[Dataset records — start]

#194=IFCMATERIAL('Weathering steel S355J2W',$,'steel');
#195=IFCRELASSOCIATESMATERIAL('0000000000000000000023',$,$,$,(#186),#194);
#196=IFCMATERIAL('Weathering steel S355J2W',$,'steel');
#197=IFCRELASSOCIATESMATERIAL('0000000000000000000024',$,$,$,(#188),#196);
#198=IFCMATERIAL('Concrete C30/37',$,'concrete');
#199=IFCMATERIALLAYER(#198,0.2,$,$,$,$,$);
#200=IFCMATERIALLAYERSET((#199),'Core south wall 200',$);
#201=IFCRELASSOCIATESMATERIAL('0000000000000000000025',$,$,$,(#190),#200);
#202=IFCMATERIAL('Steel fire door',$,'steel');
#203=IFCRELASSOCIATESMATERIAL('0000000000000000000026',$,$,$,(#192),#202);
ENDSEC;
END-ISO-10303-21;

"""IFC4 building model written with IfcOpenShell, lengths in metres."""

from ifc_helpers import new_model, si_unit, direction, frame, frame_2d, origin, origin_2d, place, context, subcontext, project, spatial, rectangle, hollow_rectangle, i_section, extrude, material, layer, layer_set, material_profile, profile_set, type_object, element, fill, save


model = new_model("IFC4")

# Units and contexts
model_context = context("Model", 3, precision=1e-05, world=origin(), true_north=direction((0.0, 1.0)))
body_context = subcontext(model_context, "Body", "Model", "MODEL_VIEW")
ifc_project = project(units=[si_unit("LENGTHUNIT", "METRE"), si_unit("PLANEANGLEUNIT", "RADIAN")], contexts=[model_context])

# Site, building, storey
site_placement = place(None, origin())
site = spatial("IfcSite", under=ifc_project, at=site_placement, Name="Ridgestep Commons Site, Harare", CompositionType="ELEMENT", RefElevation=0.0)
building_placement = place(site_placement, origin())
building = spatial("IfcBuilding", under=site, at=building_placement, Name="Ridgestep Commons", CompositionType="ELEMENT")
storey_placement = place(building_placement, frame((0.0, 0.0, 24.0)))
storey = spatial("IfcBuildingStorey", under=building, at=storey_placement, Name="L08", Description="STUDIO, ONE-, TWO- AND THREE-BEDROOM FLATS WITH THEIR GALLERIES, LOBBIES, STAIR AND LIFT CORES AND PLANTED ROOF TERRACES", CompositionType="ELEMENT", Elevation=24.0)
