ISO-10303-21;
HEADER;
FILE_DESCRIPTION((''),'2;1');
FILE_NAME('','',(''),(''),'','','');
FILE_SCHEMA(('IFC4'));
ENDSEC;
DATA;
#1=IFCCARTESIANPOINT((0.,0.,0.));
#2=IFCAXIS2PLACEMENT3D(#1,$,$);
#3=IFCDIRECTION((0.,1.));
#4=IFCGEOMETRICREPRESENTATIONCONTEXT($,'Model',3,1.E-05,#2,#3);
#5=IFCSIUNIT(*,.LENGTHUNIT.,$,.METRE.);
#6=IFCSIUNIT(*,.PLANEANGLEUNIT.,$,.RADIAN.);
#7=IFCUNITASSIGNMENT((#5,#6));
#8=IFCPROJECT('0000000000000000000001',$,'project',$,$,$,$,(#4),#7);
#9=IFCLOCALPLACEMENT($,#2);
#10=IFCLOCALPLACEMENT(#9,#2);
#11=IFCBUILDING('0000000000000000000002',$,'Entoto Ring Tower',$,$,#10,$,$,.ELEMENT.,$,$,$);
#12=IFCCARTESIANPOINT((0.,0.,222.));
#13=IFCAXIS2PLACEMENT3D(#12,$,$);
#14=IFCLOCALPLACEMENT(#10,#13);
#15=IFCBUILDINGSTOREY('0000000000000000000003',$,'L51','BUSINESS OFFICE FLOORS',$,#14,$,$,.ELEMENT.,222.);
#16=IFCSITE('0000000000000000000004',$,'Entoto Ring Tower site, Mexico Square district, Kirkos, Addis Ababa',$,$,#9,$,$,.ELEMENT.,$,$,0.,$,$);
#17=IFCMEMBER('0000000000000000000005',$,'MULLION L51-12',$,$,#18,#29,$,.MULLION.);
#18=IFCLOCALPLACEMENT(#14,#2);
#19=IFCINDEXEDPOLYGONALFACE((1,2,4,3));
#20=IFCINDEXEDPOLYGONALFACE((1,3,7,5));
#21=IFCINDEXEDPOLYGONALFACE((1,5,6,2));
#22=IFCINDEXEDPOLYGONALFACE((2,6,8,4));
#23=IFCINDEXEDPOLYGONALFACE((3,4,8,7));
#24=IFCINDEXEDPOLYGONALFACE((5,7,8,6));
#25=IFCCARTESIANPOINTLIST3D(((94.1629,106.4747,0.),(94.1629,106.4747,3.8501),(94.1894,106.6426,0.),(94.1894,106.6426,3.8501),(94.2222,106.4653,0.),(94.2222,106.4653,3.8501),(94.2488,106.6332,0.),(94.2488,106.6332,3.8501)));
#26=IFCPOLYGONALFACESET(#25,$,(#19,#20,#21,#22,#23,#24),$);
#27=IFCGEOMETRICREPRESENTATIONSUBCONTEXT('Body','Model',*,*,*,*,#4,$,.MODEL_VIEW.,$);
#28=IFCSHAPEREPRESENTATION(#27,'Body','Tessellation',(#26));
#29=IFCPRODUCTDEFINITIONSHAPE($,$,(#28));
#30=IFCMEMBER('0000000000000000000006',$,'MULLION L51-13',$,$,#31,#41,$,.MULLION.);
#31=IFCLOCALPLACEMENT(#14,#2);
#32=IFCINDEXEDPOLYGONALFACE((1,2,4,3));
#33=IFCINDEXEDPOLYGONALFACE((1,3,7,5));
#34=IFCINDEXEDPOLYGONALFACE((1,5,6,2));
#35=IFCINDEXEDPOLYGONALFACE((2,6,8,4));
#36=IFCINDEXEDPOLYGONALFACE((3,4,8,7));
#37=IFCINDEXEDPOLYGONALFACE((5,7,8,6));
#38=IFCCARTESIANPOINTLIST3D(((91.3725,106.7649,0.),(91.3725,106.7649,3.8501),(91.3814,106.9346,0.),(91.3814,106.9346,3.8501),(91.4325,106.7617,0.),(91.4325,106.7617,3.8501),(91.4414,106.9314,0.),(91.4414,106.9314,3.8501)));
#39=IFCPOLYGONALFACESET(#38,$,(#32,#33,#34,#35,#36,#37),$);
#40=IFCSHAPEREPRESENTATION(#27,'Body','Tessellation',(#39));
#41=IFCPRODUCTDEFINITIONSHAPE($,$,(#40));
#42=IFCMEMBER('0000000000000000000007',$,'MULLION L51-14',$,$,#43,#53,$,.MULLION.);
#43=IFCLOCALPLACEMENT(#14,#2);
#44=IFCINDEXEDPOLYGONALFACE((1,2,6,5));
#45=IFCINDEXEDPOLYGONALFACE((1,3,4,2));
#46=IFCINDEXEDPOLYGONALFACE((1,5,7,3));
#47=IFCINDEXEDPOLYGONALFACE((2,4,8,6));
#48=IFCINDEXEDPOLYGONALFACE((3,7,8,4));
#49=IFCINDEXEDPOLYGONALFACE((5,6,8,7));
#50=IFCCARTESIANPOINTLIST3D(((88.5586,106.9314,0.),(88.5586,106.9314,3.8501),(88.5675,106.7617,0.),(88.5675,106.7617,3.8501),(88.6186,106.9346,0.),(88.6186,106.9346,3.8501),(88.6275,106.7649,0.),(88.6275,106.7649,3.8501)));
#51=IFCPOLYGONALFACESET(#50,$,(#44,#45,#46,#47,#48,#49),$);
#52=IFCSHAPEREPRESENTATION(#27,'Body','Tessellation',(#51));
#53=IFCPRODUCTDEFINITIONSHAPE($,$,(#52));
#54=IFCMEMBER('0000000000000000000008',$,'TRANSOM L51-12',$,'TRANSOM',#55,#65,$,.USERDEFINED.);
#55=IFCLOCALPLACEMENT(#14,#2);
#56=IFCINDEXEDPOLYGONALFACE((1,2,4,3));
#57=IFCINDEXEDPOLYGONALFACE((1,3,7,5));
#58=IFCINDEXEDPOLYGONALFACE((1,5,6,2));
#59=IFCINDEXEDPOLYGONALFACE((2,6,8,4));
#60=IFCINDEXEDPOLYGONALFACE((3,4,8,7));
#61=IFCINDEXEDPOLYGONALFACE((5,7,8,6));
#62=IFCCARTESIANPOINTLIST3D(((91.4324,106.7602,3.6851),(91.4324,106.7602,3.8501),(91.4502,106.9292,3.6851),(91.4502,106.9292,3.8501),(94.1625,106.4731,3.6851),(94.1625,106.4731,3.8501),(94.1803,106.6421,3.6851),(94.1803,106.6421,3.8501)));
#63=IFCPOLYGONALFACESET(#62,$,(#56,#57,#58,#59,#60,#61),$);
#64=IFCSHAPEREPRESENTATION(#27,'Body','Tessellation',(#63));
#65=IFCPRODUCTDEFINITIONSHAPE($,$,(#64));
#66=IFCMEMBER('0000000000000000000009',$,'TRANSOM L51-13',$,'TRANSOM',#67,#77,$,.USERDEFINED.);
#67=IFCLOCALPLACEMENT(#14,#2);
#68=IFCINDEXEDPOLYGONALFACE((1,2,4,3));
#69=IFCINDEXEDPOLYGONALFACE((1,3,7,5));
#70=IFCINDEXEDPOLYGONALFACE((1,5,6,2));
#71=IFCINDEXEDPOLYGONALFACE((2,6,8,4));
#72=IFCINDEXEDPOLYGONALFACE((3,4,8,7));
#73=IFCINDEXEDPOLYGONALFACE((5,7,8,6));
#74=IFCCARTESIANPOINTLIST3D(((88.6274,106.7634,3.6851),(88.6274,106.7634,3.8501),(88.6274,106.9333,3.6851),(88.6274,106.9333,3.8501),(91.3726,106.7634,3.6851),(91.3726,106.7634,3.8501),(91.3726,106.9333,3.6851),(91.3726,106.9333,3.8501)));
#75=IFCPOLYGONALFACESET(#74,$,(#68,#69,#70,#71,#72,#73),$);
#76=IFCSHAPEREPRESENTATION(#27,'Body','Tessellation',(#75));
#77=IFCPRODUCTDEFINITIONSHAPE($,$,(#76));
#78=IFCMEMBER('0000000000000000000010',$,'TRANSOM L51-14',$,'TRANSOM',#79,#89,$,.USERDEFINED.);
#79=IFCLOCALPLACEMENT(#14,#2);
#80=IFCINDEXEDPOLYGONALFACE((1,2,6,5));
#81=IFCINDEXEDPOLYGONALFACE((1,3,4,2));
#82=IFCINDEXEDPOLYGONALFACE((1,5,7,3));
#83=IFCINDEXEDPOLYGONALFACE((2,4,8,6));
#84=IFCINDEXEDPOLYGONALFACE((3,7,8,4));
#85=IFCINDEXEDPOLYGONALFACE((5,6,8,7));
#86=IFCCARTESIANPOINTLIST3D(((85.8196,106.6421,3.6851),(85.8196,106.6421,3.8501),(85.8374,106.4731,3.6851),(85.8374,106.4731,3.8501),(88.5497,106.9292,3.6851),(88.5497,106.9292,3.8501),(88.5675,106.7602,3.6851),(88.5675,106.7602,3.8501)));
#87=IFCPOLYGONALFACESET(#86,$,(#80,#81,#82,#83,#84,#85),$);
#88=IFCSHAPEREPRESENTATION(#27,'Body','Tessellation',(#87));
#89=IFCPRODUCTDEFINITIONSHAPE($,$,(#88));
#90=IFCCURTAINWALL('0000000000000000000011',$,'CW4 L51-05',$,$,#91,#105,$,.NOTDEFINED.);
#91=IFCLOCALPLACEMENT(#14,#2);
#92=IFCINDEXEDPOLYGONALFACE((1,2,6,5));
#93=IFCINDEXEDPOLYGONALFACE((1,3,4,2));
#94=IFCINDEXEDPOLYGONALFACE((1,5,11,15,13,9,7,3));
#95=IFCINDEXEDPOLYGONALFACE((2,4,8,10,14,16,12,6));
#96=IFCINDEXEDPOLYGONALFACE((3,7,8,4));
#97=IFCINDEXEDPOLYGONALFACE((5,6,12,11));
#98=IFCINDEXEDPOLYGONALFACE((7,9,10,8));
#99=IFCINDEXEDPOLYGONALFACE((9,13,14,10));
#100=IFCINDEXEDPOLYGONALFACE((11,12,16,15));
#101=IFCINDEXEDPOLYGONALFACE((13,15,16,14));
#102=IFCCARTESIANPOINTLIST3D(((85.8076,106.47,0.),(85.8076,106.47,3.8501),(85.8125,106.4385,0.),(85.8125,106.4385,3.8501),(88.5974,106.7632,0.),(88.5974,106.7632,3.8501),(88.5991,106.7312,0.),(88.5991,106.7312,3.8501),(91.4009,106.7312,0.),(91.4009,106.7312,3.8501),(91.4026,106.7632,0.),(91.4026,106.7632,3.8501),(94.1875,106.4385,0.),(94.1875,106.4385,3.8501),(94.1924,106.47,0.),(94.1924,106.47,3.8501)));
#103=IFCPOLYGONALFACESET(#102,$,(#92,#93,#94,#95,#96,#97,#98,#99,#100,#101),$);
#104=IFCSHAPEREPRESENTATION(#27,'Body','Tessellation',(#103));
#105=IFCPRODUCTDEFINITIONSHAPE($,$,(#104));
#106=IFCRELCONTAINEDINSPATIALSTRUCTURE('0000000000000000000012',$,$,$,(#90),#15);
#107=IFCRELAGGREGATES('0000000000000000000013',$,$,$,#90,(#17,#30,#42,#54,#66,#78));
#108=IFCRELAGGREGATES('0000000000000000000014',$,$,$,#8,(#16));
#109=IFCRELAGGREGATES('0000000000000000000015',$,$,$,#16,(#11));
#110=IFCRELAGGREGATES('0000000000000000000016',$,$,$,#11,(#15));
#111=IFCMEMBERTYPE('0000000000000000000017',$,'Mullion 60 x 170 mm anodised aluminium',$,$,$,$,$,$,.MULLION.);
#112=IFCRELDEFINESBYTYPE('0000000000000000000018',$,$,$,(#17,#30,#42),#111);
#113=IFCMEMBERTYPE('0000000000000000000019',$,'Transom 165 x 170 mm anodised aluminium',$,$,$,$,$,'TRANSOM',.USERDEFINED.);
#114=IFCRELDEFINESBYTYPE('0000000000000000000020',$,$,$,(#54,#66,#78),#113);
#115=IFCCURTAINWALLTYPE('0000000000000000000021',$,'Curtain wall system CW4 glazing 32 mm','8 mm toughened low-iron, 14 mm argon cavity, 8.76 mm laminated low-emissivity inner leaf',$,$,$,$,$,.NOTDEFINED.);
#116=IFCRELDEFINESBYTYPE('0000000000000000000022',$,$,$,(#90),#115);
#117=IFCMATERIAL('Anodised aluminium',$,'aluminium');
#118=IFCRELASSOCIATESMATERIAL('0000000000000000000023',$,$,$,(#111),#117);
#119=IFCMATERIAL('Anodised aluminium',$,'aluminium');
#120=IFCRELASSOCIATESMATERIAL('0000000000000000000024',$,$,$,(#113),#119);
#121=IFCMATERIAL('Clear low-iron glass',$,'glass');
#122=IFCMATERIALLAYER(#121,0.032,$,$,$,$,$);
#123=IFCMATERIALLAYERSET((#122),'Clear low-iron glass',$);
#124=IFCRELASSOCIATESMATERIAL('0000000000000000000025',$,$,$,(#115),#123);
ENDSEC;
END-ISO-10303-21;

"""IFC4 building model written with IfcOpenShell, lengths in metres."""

from ifc_helpers import new_model, si_unit, direction, frame, origin, origin_2d, place, context, subcontext, project, spatial, polyline, rectangle, outline, extrude, material, layer, layer_set, material_profile, profile_set, type_object, element, aggregate, save


model = new_model("IFC4")

# Units and contexts
model_context = context("Model", 3, precision=1e-05, world=origin(), true_north=direction((0.0, 1.0)))
body_context = subcontext(model_context, "Body", "Model", "MODEL_VIEW")
ifc_project = project(units=[si_unit("LENGTHUNIT", "METRE"), si_unit("PLANEANGLEUNIT", "RADIAN")], contexts=[model_context])

# Members
ifc_material_1 = material(Name="Anodised aluminium", Category="aluminium")
ifc_material_profile_1 = material_profile(ifc_material_1, rectangle(XDim=0.0601, YDim=0.1699, at=origin_2d()), Name="Mullion 60 x 170 mm anodised aluminium")
ifc_profile_set_1 = profile_set([ifc_material_profile_1], Name="Anodised aluminium")
member_type_1 = type_object("IfcMemberType", Name="Mullion 60 x 170 mm anodised aluminium", PredefinedType="MULLION", material=ifc_profile_set_1)
site_placement = place(None, origin())
building_placement = place(site_placement, origin())
storey_placement = place(building_placement, frame((0.0, 0.0, 222.0)))
member_1_placement = place(storey_placement, frame((94.2058, 106.554, 0.0), z_axis=(0.0, 0.0, 1.0), x_axis=(-0.987688, 0.156434, 0.0)))
member_1 = element("IfcMember", 1, at=member_1_placement, type_object=member_type_1, Name="MULLION L51-12", PredefinedType="MULLION", context=body_context, shape_type="SweptSolid", body=[
    extrude(rectangle(XDim=0.0601, YDim=0.1699, at=origin_2d()), origin(), (0.0, 0.0, 1.0), 3.8501),
])
member_2_placement = place(storey_placement, frame((91.407, 106.8481, 0.0), z_axis=(0.0, 0.0, 1.0), x_axis=(-0.99863, 0.052336, 0.0)))
member_2 = element("IfcMember", 2, at=member_2_placement, type_object=member_type_1, Name="MULLION L51-13", PredefinedType="MULLION", context=body_context, shape_type="SweptSolid", body=[
    extrude(rectangle(XDim=0.0601, YDim=0.1699, at=origin_2d()), origin(), (0.0, 0.0, 1.0), 3.8501),
])
member_3_placement = place(storey_placement, frame((88.593, 106.8481, 0.0), z_axis=(0.0, 0.0, 1.0), x_axis=(-0.99863, -0.052336, 0.0)))
member_3 = element("IfcMember", 3, at=member_3_placement, type_object=member_type_1, Name="MULLION L51-14", PredefinedType="MULLION", context=body_context, shape_type="SweptSolid", body=[
    extrude(rectangle(XDim=0.0601, YDim=0.1699, at=origin_2d()), origin(), (0.0, 0.0, 1.0), 3.8501),
])
ifc_material_2 = material(Name="Anodised aluminium", Category="aluminium")
ifc_material_profile_2 = material_profile(ifc_material_2, rectangle(XDim=0.1699, YDim=0.165, at=origin_2d()), Name="Transom 165 x 170 mm anodised aluminium")
ifc_profile_set_2 = profile_set([ifc_material_profile_2], Name="Anodised aluminium")
member_type_2 = type_object("IfcMemberType", Name="Transom 165 x 170 mm anodised aluminium", ElementType="TRANSOM", PredefinedType="USERDEFINED", material=ifc_profile_set_2)
member_4_placement = place(storey_placement, frame((94.1714, 106.5576, 3.7676), z_axis=(-0.994515, 0.104592, 0.0), x_axis=(-0.104592, -0.994515, 0.0)))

[Dataset records — finish]

Check each line above for the string "Ridgestep" and copy those that have it.

▶ [Expected output]
site = spatial("IfcSite", under=ifc_project, at=site_placement, Name="Ridgestep Commons Site, Harare", CompositionType="ELEMENT", RefElevation=0.0)
building = spatial("IfcBuilding", under=site, at=building_placement, Name="Ridgestep Commons", CompositionType="ELEMENT")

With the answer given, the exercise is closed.